Stored data:
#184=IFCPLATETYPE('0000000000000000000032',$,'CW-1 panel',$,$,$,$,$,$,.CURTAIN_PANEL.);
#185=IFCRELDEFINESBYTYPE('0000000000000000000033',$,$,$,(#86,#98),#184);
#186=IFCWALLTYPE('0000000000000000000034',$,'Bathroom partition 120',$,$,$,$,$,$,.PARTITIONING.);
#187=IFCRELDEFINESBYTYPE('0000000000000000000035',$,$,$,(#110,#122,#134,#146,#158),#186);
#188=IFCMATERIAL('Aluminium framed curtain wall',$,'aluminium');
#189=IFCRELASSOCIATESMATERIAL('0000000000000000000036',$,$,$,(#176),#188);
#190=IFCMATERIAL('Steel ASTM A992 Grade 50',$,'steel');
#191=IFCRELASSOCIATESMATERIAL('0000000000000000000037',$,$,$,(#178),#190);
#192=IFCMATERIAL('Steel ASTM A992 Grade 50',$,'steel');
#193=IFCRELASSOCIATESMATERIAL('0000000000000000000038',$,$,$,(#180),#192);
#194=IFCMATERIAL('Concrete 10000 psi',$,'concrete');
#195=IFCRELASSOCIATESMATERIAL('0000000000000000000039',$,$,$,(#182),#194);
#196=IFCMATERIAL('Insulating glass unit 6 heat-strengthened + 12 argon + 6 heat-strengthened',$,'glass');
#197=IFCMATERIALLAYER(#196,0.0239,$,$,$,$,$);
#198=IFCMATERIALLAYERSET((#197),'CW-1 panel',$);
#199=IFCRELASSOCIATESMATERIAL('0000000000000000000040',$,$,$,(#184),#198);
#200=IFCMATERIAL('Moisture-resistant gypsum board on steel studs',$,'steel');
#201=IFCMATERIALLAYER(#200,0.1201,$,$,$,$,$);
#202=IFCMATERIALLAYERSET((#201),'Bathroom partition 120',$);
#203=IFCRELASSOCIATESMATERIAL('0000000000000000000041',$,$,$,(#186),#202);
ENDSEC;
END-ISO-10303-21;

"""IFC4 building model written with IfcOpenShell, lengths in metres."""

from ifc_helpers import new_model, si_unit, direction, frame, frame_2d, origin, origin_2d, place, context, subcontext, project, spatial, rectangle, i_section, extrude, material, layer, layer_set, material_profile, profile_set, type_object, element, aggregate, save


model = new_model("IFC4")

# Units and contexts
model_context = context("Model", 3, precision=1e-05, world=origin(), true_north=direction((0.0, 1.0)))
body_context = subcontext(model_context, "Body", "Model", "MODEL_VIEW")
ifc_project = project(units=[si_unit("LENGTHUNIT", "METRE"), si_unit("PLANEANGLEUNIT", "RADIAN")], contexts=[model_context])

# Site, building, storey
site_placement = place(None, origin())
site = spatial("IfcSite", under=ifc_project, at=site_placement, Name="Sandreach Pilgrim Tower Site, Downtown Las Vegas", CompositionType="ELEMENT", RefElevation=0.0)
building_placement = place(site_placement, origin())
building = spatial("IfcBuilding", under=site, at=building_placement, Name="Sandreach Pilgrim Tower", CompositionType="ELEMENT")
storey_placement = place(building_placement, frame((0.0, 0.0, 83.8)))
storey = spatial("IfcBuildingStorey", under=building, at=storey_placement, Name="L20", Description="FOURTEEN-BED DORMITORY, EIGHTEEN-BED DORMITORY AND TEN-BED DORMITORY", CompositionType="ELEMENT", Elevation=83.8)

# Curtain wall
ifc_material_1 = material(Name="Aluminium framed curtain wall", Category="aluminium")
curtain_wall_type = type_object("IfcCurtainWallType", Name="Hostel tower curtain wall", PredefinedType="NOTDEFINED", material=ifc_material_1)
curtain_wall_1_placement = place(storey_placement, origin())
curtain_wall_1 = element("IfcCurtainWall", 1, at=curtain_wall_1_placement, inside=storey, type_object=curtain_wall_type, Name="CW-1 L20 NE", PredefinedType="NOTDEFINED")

**WHAT TO WORK ON**. What are the lines, exactly as written above, from the line with "from ifc_helpers import" to the line with "building_placement = place(site_placement, origin())", both included? Output only those.

**WRITTEN RESPONSE**.
from ifc_helpers import new_model, si_unit, direction, frame, frame_2d, origin, origin_2d, place, context, subcontext, project, spatial, rectangle, i_section, extrude, material, layer, layer_set, material_profile, profile_set, type_object, element, aggregate, save


model = new_model("IFC4")

# Units and contexts
model_context = context("Model", 3, precision=1e-05, world=origin(), true_north=direction((0.0, 1.0)))
body_context = subcontext(model_context, "Body", "Model", "MODEL_VIEW")
ifc_project = project(units=[si_unit("LENGTHUNIT", "METRE"), si_unit("PLANEANGLEUNIT", "RADIAN")], contexts=[model_context])

# Site, building, storey
site_placement = place(None, origin())
site = spatial("IfcSite", under=ifc_project, at=site_placement, Name="Sandreach Pilgrim Tower Site, Downtown Las Vegas", CompositionType="ELEMENT", RefElevation=0.0)
building_placement = place(site_placement, origin())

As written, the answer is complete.